▸ TASK STATEMENT
Among the entries below, please repeat exactly and only the lines from the line containing "world=origin(), true_north=direction((0.0, 1.0)))" to the line containing "storey_placement = place(building_placement, origin())", both lines included.

[Collected data]
──────────
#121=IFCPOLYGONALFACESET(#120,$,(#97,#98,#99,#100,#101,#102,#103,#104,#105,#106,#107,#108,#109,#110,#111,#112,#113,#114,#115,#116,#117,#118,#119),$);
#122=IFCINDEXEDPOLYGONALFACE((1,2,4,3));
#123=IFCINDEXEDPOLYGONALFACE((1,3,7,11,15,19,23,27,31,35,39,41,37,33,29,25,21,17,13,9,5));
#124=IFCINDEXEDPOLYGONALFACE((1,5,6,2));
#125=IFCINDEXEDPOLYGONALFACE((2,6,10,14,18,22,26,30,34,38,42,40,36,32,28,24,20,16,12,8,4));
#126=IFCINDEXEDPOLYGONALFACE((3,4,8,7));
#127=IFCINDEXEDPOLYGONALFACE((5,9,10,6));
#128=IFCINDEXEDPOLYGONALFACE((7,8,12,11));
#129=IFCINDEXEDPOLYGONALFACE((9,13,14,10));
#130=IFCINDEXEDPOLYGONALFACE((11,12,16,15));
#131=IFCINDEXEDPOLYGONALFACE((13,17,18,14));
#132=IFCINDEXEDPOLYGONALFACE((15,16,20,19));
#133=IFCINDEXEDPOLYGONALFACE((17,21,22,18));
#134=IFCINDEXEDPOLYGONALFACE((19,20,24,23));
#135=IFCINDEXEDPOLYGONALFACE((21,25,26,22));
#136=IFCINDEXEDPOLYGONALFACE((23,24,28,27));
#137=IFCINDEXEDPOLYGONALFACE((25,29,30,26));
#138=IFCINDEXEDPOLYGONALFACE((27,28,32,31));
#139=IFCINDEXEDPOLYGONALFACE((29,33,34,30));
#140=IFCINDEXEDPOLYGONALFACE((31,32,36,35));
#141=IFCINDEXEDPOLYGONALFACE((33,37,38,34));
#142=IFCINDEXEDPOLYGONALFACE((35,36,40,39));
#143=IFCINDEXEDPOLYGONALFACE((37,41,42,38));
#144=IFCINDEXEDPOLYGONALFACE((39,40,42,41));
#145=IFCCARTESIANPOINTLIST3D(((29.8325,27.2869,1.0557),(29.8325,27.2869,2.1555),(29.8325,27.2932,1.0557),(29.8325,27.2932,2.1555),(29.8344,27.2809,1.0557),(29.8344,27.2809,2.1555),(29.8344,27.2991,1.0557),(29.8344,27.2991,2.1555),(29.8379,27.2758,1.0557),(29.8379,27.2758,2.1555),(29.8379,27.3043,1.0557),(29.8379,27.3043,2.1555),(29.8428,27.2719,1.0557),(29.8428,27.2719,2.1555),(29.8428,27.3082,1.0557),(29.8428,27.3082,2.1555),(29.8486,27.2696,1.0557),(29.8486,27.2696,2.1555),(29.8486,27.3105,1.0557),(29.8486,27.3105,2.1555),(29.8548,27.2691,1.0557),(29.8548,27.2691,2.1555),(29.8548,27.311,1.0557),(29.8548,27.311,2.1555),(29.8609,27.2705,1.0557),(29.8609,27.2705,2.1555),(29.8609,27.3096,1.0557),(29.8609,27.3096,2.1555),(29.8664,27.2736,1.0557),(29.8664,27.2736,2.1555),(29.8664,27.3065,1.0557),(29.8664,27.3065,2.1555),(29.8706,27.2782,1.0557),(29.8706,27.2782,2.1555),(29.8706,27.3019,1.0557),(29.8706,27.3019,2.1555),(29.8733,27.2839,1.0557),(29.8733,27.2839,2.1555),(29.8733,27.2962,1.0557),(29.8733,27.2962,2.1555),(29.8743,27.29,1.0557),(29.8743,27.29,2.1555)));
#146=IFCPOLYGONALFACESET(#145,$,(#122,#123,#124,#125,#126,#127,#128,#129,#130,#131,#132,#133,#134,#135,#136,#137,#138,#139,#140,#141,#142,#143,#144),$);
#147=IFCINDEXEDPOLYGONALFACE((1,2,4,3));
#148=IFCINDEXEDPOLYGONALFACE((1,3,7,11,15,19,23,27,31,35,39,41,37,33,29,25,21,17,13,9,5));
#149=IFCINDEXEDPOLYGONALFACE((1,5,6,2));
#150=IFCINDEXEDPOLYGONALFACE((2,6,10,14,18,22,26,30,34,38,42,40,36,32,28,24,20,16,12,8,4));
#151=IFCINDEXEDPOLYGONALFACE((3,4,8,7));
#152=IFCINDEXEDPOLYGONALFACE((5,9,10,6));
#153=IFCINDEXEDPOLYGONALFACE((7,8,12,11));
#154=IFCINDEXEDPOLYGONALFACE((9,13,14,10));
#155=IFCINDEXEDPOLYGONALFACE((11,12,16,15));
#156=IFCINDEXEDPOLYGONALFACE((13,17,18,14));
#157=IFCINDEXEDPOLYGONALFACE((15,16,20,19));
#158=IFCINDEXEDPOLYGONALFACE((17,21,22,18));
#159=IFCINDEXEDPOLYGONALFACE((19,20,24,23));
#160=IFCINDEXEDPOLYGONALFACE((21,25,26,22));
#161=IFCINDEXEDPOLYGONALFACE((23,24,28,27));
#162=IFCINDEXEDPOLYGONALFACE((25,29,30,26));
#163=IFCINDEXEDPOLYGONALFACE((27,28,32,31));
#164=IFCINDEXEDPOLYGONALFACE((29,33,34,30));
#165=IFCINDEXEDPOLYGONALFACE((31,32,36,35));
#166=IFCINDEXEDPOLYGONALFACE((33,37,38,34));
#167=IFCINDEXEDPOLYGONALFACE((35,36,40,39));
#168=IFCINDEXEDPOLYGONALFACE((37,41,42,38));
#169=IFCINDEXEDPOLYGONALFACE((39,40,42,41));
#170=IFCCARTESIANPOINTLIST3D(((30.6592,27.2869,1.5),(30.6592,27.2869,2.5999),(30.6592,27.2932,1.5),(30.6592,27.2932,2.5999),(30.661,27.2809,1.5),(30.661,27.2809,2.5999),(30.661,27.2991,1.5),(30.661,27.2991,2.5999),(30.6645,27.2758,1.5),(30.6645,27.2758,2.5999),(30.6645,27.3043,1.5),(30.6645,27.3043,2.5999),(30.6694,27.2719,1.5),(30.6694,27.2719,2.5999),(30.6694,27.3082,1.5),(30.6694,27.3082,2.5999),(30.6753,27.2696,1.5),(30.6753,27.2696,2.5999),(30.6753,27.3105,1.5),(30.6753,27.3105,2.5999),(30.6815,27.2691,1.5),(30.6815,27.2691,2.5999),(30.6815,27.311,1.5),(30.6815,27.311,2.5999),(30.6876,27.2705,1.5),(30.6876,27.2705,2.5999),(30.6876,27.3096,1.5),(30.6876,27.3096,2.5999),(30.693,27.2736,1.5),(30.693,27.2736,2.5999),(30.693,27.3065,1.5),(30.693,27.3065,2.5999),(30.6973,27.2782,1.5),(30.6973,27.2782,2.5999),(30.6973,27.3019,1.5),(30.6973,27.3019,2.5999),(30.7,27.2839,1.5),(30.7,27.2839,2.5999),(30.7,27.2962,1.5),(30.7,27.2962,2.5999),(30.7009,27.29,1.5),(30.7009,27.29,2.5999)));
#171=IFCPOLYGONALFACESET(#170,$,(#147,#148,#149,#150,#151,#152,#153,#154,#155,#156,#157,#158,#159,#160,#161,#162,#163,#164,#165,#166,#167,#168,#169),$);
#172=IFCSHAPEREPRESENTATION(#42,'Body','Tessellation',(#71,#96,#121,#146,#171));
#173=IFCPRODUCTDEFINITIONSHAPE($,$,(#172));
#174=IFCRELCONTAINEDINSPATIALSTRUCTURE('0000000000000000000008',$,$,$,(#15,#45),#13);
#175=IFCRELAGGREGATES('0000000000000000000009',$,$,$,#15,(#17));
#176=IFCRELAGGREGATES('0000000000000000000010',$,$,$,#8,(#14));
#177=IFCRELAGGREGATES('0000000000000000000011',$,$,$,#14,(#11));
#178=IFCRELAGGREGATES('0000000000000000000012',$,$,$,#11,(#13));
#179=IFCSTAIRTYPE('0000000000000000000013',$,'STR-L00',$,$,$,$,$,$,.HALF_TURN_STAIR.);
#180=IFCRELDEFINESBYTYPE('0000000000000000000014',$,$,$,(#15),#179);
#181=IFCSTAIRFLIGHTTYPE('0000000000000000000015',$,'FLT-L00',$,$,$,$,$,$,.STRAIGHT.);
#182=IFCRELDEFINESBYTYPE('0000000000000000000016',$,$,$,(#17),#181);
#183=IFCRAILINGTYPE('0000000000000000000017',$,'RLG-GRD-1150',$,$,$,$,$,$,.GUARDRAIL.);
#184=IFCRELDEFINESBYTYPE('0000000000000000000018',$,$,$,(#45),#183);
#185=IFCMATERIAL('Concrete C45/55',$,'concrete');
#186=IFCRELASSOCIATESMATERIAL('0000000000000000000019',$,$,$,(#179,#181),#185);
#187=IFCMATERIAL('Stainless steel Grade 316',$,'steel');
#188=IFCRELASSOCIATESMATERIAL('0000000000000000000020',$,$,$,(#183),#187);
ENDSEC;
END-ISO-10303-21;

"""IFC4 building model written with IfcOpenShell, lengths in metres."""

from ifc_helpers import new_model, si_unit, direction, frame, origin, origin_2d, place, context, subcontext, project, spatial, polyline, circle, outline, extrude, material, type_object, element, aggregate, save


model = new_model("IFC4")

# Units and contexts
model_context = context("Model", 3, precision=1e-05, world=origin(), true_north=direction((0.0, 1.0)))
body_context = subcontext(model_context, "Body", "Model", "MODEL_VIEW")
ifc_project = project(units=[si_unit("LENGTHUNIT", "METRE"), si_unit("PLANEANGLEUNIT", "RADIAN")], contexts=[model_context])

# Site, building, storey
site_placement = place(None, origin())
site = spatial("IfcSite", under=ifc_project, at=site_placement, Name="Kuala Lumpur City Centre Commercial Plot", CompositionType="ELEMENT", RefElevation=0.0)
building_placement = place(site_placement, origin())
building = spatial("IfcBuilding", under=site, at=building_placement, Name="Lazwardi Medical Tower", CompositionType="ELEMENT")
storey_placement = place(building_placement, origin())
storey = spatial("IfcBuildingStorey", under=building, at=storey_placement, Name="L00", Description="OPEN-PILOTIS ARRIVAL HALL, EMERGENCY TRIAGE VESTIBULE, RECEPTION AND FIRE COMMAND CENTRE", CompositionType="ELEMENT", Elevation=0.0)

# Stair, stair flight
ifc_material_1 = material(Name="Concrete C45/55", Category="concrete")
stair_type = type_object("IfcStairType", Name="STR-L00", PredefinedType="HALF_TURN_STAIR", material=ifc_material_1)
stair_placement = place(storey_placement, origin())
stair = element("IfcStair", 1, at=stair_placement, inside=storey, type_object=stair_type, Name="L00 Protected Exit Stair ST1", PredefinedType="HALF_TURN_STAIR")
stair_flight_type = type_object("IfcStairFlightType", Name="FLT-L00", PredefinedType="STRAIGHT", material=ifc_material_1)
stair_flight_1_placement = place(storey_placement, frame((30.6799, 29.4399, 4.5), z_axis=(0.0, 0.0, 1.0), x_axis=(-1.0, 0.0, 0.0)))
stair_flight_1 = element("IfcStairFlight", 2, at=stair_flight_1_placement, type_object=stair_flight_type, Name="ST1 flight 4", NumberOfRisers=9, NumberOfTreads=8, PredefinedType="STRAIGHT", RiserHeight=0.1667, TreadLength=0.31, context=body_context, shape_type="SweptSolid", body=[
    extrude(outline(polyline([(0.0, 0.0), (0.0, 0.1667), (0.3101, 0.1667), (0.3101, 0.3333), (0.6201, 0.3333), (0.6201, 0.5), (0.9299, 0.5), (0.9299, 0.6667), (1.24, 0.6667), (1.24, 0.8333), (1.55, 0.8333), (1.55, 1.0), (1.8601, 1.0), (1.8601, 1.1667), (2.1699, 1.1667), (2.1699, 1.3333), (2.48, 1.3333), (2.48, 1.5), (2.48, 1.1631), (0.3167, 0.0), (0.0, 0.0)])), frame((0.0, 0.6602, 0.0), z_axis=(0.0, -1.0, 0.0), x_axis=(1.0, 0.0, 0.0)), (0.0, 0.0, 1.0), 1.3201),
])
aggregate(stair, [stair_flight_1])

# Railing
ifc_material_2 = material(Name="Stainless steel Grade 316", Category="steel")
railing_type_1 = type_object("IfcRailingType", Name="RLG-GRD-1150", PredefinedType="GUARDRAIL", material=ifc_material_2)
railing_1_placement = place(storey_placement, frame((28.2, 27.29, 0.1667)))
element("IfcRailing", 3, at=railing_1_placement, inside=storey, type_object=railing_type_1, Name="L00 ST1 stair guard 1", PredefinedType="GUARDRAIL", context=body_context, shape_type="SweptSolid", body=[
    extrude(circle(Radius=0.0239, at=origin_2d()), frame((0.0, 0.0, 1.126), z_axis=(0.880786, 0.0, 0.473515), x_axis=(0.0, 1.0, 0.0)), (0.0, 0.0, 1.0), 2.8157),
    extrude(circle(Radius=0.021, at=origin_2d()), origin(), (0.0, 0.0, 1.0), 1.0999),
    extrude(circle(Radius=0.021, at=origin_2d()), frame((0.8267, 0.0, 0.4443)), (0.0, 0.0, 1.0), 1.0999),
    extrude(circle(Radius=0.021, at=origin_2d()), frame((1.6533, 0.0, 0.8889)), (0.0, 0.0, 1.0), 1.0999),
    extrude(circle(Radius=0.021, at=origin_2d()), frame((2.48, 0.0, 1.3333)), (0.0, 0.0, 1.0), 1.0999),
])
──────────
▸ RESULT
model_context = context("Model", 3, precision=1e-05, world=origin(), true_north=direction((0.0, 1.0)))
body_context = subcontext(model_context, "Body", "Model", "MODEL_VIEW")
ifc_project = project(units=[si_unit("LENGTHUNIT", "METRE"), si_unit("PLANEANGLEUNIT", "RADIAN")], contexts=[model_context])

# Site, building, storey
site_placement = place(None, origin())
site = spatial("IfcSite", under=ifc_project, at=site_placement, Name="Kuala Lumpur City Centre Commercial Plot", CompositionType="ELEMENT", RefElevation=0.0)
building_placement = place(site_placement, origin())
building = spatial("IfcBuilding", under=site, at=building_placement, Name="Lazwardi Medical Tower", CompositionType="ELEMENT")
storey_placement = place(building_placement, origin())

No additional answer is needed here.